**Exercise prompt**
Here is a block of records. Copy every line in it that includes "spatial".

**The data**
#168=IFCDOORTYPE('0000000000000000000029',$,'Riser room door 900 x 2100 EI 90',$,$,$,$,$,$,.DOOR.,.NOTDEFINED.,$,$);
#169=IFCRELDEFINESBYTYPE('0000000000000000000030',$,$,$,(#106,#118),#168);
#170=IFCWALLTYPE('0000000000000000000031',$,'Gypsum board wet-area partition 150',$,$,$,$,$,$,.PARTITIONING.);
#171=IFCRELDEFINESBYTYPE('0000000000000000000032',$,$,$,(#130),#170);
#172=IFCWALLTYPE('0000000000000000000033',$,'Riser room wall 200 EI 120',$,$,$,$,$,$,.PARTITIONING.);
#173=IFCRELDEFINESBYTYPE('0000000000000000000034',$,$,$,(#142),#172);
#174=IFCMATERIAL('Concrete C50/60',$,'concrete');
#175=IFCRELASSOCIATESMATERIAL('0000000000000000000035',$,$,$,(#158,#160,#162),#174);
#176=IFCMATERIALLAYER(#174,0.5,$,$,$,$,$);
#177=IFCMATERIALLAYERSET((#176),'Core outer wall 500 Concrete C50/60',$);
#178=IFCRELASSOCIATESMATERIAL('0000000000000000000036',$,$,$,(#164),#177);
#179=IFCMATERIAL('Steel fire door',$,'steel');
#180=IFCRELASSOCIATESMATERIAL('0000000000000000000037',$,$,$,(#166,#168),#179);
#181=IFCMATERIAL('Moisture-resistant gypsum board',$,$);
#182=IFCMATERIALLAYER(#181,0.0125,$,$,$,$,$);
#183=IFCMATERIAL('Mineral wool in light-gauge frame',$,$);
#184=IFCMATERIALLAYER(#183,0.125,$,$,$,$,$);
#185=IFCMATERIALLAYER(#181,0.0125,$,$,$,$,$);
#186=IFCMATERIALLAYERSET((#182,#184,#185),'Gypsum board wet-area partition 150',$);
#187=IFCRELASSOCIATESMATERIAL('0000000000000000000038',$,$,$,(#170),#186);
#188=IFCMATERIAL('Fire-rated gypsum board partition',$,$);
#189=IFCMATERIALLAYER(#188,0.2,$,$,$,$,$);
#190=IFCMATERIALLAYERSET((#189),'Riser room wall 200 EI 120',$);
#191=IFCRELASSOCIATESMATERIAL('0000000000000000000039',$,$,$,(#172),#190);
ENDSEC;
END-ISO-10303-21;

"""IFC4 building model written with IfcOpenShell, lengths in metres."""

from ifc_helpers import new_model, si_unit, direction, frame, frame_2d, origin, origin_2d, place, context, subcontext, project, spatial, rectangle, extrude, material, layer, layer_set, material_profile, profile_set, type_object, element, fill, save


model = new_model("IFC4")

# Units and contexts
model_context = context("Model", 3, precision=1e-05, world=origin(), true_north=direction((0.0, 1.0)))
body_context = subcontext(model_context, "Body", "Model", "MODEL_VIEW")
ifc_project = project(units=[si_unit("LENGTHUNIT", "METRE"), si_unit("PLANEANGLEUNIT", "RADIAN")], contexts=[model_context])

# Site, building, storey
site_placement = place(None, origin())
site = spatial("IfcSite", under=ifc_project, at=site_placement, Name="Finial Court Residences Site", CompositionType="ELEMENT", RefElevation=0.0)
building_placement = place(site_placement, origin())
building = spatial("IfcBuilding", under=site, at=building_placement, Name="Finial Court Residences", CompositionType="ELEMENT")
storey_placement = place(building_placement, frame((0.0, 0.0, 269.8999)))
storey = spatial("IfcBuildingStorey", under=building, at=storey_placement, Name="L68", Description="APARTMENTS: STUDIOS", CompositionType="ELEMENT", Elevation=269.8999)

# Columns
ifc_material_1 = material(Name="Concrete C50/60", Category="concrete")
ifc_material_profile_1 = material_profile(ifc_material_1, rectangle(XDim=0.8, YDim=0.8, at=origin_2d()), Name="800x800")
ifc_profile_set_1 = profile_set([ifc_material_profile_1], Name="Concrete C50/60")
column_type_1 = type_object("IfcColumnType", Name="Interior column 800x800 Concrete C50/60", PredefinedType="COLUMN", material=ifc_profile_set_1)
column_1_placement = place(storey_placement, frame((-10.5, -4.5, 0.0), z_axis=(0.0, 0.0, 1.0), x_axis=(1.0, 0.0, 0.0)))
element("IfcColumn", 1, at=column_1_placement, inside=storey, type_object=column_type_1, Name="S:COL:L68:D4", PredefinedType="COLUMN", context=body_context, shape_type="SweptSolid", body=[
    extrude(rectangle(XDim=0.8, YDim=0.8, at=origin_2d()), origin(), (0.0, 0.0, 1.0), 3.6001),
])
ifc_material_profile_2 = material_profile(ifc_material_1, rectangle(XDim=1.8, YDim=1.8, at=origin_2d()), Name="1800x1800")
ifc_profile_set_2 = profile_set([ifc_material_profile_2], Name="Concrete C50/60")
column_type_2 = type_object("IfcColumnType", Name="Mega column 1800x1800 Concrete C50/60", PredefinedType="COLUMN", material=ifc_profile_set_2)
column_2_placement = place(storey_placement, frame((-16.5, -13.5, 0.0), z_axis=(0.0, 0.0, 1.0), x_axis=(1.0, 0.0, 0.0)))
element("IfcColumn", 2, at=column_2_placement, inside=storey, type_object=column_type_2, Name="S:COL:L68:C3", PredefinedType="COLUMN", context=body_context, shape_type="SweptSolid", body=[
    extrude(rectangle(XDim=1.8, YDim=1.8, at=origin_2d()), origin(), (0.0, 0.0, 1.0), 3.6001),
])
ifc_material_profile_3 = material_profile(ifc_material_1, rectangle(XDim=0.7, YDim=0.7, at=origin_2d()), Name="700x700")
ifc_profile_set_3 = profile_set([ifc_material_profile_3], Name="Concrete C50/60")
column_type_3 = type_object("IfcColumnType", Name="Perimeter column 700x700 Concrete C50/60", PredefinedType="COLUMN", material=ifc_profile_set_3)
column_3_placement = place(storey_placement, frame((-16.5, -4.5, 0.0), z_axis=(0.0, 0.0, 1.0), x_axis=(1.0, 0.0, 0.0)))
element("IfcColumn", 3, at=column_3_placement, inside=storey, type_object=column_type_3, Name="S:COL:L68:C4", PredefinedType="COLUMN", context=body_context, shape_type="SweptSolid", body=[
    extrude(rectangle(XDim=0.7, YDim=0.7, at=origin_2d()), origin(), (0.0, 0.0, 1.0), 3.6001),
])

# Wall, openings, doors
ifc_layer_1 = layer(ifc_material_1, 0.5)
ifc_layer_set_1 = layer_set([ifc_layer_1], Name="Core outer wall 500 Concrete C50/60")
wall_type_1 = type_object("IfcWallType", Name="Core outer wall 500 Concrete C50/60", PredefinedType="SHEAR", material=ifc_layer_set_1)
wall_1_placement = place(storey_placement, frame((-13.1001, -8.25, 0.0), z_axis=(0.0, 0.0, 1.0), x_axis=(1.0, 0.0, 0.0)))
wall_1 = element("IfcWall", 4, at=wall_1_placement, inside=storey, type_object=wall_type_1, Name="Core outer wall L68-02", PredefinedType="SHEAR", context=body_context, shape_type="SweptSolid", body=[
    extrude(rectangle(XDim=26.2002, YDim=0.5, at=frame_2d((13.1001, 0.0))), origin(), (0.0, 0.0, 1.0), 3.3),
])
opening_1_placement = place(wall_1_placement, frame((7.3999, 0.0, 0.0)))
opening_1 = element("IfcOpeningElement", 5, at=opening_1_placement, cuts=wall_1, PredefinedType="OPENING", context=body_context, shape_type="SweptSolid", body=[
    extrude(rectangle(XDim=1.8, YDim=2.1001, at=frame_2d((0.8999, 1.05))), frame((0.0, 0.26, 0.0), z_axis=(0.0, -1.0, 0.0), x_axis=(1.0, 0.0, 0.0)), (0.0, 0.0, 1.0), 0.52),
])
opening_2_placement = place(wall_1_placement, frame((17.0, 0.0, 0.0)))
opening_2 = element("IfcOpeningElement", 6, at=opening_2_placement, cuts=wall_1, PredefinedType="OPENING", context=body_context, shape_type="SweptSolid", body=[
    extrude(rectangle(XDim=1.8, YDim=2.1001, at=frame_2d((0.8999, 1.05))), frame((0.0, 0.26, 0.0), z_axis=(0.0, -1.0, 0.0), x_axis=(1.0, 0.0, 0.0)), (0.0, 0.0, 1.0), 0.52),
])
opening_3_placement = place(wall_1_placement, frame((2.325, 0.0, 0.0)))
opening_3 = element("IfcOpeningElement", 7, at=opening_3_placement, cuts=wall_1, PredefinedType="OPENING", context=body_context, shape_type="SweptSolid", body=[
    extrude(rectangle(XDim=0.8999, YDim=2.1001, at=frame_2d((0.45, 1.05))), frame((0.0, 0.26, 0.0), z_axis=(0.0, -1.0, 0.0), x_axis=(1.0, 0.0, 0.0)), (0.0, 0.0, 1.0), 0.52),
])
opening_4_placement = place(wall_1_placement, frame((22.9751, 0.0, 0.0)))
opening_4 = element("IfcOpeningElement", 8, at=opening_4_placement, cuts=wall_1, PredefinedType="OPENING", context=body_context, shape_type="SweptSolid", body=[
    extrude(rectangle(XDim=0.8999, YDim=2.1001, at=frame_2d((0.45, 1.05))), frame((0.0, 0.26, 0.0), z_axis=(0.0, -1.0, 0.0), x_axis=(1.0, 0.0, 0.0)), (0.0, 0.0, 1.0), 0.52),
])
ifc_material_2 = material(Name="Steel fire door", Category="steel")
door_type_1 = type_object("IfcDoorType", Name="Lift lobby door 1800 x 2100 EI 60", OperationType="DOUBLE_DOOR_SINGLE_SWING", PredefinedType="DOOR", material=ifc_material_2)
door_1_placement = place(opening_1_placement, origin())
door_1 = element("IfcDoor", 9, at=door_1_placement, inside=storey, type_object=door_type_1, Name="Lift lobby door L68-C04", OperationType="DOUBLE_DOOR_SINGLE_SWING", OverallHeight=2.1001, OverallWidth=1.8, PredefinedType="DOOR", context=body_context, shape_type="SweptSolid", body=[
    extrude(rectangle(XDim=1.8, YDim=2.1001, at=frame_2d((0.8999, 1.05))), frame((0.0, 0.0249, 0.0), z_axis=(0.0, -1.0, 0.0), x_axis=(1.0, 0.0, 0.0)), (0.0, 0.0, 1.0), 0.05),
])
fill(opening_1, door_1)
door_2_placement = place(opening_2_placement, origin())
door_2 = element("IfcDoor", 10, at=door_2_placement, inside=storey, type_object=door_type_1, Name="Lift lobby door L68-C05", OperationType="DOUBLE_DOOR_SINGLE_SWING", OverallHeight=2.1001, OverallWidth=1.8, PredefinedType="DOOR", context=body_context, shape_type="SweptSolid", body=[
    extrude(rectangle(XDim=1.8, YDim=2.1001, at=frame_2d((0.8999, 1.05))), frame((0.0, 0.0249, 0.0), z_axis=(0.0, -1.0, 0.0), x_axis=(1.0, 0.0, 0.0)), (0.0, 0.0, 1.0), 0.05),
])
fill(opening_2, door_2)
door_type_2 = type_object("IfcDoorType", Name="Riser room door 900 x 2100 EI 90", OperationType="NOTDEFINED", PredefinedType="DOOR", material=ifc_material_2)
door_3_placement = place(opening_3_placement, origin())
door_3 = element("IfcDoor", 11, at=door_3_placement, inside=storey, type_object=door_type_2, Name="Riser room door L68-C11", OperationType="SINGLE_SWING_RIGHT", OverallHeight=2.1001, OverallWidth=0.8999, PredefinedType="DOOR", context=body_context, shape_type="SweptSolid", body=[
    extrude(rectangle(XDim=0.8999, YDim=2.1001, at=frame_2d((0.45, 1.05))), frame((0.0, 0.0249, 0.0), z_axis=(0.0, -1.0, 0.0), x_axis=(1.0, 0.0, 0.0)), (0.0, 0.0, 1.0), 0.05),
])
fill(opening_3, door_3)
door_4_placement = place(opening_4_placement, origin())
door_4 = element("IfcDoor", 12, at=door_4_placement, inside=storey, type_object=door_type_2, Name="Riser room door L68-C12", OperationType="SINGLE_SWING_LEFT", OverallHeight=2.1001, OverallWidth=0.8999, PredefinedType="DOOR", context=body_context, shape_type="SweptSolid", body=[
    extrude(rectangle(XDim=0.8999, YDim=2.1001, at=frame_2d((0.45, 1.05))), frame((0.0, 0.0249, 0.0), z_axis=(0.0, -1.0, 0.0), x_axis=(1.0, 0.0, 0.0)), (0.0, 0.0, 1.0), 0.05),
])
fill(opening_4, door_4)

**Your response**
from ifc_helpers import new_model, si_unit, direction, frame, frame_2d, origin, origin_2d, place, context, subcontext, project, spatial, rectangle, extrude, material, layer, layer_set, material_profile, profile_set, type_object, element, fill, save
site = spatial("IfcSite", under=ifc_project, at=site_placement, Name="Finial Court Residences Site", CompositionType="ELEMENT", RefElevation=0.0)
building = spatial("IfcBuilding", under=site, at=building_placement, Name="Finial Court Residences", CompositionType="ELEMENT")
storey = spatial("IfcBuildingStorey", under=building, at=storey_placement, Name="L68", Description="APARTMENTS: STUDIOS", CompositionType="ELEMENT", Elevation=269.8999)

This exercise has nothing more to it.